[[ Data listing, beginning ]]

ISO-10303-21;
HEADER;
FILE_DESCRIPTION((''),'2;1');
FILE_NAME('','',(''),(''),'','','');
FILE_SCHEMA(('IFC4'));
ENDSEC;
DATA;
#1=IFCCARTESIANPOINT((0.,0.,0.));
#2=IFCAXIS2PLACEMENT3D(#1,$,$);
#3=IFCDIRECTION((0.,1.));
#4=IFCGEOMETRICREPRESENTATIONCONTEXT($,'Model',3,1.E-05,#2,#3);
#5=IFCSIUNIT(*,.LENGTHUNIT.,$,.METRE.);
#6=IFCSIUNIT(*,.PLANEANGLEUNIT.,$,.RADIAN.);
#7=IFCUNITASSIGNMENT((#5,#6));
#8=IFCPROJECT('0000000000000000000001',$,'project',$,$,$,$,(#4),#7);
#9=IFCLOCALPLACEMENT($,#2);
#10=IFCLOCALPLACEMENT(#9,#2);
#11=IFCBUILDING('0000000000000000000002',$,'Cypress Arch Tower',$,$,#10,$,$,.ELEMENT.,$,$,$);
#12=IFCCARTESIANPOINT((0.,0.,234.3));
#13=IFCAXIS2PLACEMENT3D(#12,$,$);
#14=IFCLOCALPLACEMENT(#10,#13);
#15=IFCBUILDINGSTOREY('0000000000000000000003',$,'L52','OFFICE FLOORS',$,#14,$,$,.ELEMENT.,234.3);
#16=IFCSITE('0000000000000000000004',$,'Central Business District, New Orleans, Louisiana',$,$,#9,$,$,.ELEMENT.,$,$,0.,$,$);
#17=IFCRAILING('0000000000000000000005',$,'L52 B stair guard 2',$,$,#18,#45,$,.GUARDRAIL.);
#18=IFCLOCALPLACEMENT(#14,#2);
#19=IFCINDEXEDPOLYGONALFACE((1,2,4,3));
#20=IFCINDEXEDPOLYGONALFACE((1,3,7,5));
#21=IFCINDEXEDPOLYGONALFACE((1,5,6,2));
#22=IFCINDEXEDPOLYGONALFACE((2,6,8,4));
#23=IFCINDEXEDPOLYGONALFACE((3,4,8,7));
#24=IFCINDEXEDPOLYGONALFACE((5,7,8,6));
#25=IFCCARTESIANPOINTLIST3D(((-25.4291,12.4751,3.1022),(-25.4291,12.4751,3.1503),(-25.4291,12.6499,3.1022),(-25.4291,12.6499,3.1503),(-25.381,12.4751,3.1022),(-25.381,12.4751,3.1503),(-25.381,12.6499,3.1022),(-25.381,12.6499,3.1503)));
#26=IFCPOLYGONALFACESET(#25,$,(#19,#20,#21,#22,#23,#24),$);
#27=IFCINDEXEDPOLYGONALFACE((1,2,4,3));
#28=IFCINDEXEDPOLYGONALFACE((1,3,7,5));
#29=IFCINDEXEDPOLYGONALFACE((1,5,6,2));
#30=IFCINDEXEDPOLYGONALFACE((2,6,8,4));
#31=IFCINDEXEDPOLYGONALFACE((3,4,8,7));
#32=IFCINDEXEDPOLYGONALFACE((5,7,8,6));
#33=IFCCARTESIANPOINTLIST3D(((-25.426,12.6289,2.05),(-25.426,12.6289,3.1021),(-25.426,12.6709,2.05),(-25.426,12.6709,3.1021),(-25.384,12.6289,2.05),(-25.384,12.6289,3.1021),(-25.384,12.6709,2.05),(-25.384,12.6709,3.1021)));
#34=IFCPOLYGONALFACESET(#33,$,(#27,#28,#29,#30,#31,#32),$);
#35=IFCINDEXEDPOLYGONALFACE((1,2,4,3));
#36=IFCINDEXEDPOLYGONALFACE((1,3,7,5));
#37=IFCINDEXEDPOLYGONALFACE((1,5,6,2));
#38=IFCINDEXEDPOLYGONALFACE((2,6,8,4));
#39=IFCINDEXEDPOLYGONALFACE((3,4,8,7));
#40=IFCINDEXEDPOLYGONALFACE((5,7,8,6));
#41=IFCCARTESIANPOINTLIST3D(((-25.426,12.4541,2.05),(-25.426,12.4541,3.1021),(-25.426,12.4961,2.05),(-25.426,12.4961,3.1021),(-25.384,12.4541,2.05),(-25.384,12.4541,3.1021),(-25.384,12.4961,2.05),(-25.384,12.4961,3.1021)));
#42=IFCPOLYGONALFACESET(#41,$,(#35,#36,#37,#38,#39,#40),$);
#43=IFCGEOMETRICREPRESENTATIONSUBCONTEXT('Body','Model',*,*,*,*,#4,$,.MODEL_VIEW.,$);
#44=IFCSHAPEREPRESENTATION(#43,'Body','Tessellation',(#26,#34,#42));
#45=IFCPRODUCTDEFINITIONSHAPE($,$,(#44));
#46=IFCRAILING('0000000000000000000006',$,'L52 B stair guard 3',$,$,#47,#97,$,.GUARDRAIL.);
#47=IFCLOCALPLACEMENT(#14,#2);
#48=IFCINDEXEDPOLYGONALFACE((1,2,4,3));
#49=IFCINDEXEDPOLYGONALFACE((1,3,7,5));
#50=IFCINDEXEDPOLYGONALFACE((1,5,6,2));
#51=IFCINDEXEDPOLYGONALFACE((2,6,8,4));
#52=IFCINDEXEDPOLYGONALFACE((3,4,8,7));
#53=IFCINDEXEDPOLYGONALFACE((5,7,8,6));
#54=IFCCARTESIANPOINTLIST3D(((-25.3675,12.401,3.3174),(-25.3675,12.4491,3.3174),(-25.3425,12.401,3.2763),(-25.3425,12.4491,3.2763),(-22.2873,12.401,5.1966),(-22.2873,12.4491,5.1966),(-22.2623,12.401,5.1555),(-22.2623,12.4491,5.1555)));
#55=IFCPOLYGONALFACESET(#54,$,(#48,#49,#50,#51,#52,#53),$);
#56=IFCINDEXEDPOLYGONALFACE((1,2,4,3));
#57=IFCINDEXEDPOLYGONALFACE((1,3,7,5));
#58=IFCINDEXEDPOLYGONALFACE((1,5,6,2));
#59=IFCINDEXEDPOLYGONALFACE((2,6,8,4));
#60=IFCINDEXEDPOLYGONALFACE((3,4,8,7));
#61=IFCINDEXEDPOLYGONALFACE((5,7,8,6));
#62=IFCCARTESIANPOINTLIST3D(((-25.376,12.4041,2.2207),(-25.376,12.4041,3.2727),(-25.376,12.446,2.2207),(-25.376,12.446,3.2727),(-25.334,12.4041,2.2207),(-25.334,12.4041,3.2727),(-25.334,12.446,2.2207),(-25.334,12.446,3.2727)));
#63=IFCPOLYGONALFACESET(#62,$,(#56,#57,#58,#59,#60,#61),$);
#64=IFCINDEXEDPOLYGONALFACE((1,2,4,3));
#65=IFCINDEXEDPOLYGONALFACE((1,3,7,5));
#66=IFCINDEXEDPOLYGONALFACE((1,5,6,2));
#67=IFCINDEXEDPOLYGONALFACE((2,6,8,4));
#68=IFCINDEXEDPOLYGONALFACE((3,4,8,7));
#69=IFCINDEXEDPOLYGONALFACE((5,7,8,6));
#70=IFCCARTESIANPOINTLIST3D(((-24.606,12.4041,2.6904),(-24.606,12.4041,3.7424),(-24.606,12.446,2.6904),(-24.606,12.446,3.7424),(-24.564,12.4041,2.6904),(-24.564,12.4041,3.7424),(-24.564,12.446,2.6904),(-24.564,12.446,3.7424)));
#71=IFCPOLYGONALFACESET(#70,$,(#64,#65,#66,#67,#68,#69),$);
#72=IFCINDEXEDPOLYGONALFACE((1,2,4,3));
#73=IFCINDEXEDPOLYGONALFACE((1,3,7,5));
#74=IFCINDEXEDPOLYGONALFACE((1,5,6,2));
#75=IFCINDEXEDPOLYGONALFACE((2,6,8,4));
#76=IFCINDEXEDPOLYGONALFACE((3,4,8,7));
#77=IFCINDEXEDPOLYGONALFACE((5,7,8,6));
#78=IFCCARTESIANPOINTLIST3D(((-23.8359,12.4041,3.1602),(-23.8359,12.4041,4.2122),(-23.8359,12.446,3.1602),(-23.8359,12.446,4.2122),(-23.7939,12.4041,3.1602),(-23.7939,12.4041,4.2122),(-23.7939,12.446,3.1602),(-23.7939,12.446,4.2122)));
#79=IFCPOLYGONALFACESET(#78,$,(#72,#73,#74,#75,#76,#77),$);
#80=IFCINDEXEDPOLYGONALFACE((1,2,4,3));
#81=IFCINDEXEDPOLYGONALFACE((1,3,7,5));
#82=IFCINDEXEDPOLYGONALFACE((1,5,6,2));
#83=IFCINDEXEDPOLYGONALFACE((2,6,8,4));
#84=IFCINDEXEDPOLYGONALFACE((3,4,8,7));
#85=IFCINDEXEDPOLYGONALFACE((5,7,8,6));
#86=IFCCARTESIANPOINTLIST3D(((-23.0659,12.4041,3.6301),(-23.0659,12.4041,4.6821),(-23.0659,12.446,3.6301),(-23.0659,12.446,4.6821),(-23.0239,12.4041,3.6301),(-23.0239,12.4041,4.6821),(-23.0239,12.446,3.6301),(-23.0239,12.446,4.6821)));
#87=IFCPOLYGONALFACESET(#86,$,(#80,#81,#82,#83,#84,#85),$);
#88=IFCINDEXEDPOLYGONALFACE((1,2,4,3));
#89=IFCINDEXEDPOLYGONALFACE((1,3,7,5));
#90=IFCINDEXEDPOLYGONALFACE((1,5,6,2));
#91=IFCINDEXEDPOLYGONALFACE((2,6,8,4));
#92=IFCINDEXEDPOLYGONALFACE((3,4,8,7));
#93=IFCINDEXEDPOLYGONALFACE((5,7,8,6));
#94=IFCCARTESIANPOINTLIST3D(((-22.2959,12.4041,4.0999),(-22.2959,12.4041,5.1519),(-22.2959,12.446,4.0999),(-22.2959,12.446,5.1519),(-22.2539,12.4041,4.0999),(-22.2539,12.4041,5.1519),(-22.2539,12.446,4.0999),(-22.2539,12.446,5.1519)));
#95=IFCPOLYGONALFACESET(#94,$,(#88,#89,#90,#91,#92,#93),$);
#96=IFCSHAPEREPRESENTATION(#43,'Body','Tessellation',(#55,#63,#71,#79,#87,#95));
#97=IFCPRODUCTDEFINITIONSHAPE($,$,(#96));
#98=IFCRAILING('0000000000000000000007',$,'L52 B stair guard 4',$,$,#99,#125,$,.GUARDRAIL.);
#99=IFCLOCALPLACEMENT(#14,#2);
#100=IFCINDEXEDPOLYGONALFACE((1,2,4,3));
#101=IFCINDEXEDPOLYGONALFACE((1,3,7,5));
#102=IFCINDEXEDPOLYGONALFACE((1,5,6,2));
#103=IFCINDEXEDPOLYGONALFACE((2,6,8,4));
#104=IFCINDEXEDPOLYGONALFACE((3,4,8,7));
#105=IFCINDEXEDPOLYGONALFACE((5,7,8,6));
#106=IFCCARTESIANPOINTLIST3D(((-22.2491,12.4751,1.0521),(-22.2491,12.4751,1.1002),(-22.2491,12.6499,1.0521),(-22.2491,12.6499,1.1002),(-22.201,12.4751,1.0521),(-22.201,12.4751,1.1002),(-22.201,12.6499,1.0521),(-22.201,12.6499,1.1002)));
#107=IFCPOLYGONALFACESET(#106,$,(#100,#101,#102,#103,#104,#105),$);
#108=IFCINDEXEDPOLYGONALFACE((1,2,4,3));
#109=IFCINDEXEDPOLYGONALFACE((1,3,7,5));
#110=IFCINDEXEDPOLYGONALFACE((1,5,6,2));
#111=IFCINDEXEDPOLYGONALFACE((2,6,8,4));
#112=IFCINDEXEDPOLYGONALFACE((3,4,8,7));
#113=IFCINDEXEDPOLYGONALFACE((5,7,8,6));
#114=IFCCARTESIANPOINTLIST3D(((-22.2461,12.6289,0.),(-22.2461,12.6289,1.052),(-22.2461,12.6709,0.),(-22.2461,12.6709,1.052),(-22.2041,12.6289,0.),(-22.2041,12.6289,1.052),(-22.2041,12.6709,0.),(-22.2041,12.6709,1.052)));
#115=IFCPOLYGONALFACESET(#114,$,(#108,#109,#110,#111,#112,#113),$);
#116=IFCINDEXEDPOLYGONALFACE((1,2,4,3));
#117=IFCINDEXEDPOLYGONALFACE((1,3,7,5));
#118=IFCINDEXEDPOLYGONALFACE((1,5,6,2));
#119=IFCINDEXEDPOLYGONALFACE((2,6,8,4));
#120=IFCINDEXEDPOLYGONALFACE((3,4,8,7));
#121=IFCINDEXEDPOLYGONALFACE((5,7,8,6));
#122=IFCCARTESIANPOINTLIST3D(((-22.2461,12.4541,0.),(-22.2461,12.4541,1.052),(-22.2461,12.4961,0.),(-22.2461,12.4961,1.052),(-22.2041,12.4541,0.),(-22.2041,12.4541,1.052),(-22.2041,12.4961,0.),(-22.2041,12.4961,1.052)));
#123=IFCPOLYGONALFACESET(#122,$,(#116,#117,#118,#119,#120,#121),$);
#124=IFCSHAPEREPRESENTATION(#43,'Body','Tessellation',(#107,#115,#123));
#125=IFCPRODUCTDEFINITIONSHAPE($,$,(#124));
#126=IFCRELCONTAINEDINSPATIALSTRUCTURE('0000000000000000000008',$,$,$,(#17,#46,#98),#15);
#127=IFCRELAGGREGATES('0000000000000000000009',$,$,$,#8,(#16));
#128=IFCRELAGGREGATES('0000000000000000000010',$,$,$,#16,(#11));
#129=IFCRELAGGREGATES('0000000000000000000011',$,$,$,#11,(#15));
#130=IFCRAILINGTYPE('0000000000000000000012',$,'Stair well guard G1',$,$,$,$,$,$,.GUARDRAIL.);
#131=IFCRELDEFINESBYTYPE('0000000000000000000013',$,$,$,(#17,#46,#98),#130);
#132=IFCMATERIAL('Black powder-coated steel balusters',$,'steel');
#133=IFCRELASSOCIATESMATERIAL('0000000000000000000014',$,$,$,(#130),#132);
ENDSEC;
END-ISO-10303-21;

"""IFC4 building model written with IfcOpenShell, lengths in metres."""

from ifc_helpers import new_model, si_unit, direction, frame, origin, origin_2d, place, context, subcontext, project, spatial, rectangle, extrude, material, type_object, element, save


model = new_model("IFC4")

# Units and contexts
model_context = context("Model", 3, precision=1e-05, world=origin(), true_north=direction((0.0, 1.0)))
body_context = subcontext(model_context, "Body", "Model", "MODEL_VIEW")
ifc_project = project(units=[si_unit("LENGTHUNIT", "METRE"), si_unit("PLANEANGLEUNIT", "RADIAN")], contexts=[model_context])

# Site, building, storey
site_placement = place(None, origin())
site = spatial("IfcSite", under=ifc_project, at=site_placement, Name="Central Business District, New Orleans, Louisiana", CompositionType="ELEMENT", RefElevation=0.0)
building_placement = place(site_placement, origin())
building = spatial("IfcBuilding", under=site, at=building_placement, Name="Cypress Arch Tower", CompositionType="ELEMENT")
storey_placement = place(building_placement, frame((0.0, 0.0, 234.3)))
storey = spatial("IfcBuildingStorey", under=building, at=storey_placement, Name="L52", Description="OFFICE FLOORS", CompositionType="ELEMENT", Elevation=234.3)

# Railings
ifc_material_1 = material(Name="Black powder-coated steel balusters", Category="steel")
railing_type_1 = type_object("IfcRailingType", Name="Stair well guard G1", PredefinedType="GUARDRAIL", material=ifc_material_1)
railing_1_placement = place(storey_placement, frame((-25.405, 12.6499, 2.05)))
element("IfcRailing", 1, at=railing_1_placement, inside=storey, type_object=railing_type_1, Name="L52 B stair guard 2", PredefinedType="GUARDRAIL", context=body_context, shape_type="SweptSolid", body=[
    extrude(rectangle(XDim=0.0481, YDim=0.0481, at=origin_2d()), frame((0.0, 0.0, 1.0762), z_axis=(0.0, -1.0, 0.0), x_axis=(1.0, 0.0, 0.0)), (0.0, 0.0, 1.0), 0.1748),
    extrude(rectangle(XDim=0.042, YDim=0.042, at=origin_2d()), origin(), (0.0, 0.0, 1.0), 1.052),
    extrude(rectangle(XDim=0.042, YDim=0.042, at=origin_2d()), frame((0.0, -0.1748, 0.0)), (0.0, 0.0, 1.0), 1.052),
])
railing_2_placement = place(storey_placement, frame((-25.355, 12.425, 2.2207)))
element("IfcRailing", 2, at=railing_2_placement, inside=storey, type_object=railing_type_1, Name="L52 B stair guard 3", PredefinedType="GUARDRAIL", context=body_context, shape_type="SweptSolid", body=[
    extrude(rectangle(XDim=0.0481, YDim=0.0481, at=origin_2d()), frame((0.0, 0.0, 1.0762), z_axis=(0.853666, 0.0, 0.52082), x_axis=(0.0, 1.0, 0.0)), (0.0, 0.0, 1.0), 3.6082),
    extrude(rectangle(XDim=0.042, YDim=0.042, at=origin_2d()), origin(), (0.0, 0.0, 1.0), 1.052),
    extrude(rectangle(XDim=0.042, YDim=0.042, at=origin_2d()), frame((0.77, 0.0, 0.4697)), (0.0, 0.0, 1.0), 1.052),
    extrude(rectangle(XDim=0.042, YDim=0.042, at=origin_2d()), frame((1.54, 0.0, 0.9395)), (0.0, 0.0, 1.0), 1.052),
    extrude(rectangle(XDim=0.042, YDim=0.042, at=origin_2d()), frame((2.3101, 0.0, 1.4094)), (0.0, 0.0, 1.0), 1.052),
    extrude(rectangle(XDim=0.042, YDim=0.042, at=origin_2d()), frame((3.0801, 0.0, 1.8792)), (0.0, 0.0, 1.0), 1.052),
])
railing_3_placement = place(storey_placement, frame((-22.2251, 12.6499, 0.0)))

[[ Data listing, end ]]

*Exercise:*
Above this instruction are the records; retype exactly the lines from the one containing "#48=IFCINDEXEDPOLYGONALFACE((1,2,4,3));" up to and including the one containing "#84=IFCINDEXEDPOLYGONALFACE((3,4,8,7));".

*Reply:*
#48=IFCINDEXEDPOLYGONALFACE((1,2,4,3));
#49=IFCINDEXEDPOLYGONALFACE((1,3,7,5));
#50=IFCINDEXEDPOLYGONALFACE((1,5,6,2));
#51=IFCINDEXEDPOLYGONALFACE((2,6,8,4));
#52=IFCINDEXEDPOLYGONALFACE((3,4,8,7));
#53=IFCINDEXEDPOLYGONALFACE((5,7,8,6));
#54=IFCCARTESIANPOINTLIST3D(((-25.3675,12.401,3.3174),(-25.3675,12.4491,3.3174),(-25.3425,12.401,3.2763),(-25.3425,12.4491,3.2763),(-22.2873,12.401,5.1966),(-22.2873,12.4491,5.1966),(-22.2623,12.401,5.1555),(-22.2623,12.4491,5.1555)));
#55=IFCPOLYGONALFACESET(#54,$,(#48,#49,#50,#51,#52,#53),$);
#56=IFCINDEXEDPOLYGONALFACE((1,2,4,3));
#57=IFCINDEXEDPOLYGONALFACE((1,3,7,5));
#58=IFCINDEXEDPOLYGONALFACE((1,5,6,2));
#59=IFCINDEXEDPOLYGONALFACE((2,6,8,4));
#60=IFCINDEXEDPOLYGONALFACE((3,4,8,7));
#61=IFCINDEXEDPOLYGONALFACE((5,7,8,6));
#62=IFCCARTESIANPOINTLIST3D(((-25.376,12.4041,2.2207),(-25.376,12.4041,3.2727),(-25.376,12.446,2.2207),(-25.376,12.446,3.2727),(-25.334,12.4041,2.2207),(-25.334,12.4041,3.2727),(-25.334,12.446,2.2207),(-25.334,12.446,3.2727)));
#63=IFCPOLYGONALFACESET(#62,$,(#56,#57,#58,#59,#60,#61),$);
#64=IFCINDEXEDPOLYGONALFACE((1,2,4,3));
#65=IFCINDEXEDPOLYGONALFACE((1,3,7,5));
#66=IFCINDEXEDPOLYGONALFACE((1,5,6,2));
#67=IFCINDEXEDPOLYGONALFACE((2,6,8,4));
#68=IFCINDEXEDPOLYGONALFACE((3,4,8,7));
#69=IFCINDEXEDPOLYGONALFACE((5,7,8,6));
#70=IFCCARTESIANPOINTLIST3D(((-24.606,12.4041,2.6904),(-24.606,12.4041,3.7424),(-24.606,12.446,2.6904),(-24.606,12.446,3.7424),(-24.564,12.4041,2.6904),(-24.564,12.4041,3.7424),(-24.564,12.446,2.6904),(-24.564,12.446,3.7424)));
#71=IFCPOLYGONALFACESET(#70,$,(#64,#65,#66,#67,#68,#69),$);
#72=IFCINDEXEDPOLYGONALFACE((1,2,4,3));
#73=IFCINDEXEDPOLYGONALFACE((1,3,7,5));
#74=IFCINDEXEDPOLYGONALFACE((1,5,6,2));
#75=IFCINDEXEDPOLYGONALFACE((2,6,8,4));
#76=IFCINDEXEDPOLYGONALFACE((3,4,8,7));
#77=IFCINDEXEDPOLYGONALFACE((5,7,8,6));
#78=IFCCARTESIANPOINTLIST3D(((-23.8359,12.4041,3.1602),(-23.8359,12.4041,4.2122),(-23.8359,12.446,3.1602),(-23.8359,12.446,4.2122),(-23.7939,12.4041,3.1602),(-23.7939,12.4041,4.2122),(-23.7939,12.446,3.1602),(-23.7939,12.446,4.2122)));
#79=IFCPOLYGONALFACESET(#78,$,(#72,#73,#74,#75,#76,#77),$);
#80=IFCINDEXEDPOLYGONALFACE((1,2,4,3));
#81=IFCINDEXEDPOLYGONALFACE((1,3,7,5));
#82=IFCINDEXEDPOLYGONALFACE((1,5,6,2));
#83=IFCINDEXEDPOLYGONALFACE((2,6,8,4));
#84=IFCINDEXEDPOLYGONALFACE((3,4,8,7));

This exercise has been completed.